In the entries below, find the line with "#126=IFCINDEXEDPOLYGONALFACE((59,60,62,61));" and the line with "#128=IFCINDEXEDPOLYGONALFACE((63,65,66,64));"; give again those lines and every line between them, exactly.
┏━━
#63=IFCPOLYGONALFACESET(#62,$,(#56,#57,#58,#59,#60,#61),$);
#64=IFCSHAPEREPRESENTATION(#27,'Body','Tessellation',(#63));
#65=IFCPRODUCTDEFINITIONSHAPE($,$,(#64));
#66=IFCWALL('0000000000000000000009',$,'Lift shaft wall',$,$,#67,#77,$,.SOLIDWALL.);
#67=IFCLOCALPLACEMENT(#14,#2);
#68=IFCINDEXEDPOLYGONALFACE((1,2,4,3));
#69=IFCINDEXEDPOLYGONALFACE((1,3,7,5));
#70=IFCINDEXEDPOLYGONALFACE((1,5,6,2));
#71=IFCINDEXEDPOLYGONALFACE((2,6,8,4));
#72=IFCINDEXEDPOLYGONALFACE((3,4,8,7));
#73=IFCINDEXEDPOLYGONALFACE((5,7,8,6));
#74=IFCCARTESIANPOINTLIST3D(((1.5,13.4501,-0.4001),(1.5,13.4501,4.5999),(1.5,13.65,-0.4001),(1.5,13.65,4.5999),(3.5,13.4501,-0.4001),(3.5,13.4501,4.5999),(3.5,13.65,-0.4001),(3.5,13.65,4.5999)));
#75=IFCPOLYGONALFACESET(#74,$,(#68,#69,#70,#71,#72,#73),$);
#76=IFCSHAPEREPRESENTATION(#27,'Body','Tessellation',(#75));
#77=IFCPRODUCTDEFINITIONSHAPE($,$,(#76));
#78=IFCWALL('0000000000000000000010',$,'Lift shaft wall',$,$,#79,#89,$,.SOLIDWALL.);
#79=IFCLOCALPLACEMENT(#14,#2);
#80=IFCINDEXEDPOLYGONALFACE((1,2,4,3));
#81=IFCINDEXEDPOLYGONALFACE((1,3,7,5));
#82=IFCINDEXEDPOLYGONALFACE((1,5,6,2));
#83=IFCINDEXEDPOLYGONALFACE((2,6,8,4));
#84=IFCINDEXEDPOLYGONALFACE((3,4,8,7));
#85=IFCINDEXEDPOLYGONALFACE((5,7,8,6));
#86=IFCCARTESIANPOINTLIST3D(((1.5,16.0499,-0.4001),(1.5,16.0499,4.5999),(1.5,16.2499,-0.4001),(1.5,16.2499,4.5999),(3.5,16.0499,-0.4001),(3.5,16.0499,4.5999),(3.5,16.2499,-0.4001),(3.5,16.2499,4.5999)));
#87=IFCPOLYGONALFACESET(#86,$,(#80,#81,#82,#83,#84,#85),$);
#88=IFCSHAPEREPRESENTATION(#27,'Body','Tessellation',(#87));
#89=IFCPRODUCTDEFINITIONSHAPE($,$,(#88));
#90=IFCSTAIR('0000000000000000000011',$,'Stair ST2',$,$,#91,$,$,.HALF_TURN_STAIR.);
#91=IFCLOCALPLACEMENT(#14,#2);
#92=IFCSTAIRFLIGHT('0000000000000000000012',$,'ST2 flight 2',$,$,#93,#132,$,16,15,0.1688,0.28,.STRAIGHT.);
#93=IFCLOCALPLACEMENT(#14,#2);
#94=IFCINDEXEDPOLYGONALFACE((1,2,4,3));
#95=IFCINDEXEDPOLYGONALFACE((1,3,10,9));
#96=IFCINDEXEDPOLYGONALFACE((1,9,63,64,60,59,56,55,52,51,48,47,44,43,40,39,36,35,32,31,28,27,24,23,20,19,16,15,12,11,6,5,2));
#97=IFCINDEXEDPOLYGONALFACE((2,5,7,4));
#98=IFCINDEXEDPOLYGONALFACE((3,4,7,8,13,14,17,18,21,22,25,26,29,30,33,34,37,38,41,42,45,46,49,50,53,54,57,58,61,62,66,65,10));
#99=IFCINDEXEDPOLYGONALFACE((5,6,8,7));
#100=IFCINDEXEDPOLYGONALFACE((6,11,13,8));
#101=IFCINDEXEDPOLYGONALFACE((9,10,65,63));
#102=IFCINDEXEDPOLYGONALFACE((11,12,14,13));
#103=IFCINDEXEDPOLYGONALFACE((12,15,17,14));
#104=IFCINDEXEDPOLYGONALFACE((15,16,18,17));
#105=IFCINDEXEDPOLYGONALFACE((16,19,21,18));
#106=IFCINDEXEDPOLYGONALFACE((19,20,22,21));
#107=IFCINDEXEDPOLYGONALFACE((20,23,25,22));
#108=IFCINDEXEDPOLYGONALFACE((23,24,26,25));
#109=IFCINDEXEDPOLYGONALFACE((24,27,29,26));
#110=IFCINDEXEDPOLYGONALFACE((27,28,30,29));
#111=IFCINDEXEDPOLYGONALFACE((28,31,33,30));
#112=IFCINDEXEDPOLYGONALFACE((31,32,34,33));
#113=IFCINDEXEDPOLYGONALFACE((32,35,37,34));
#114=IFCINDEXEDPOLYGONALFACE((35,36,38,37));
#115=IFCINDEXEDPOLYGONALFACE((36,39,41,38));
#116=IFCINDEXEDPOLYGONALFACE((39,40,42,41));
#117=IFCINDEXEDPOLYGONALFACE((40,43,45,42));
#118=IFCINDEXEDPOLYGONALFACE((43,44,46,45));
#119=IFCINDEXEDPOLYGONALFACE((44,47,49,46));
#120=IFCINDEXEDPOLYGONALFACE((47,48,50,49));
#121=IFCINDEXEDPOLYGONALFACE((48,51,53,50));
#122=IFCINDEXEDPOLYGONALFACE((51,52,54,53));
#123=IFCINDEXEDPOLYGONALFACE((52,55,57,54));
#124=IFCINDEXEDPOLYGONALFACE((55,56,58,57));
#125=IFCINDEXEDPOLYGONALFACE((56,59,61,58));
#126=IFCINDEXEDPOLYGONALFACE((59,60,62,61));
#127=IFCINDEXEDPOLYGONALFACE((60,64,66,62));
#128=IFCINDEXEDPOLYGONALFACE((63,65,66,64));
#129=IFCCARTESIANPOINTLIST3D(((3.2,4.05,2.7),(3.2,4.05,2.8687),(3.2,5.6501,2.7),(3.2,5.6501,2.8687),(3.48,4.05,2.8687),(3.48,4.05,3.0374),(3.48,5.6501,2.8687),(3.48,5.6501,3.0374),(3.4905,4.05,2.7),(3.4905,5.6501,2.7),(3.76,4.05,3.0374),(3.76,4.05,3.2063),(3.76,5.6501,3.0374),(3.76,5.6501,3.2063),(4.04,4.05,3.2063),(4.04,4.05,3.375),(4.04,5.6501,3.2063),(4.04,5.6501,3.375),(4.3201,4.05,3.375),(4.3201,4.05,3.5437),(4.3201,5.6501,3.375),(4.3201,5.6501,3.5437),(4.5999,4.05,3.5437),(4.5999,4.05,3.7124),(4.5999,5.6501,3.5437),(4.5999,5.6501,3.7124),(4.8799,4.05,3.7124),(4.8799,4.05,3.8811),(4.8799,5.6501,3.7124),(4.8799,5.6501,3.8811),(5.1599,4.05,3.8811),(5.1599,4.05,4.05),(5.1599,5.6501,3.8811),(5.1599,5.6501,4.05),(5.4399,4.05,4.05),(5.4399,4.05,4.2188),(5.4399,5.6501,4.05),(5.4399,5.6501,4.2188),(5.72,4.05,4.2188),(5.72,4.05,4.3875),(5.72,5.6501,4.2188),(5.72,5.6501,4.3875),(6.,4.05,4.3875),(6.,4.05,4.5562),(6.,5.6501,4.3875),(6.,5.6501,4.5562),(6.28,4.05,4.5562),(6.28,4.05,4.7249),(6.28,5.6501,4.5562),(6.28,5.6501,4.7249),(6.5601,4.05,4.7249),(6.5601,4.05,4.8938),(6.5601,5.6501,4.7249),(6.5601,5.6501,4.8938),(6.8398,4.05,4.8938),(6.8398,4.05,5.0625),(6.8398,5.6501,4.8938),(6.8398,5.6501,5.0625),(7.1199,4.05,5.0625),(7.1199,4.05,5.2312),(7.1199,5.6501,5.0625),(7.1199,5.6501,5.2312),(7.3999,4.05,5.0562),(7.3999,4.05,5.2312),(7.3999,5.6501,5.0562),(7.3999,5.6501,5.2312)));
┗━━
**Solution:**
#126=IFCINDEXEDPOLYGONALFACE((59,60,62,61));
#127=IFCINDEXEDPOLYGONALFACE((60,64,66,62));
#128=IFCINDEXEDPOLYGONALFACE((63,65,66,64));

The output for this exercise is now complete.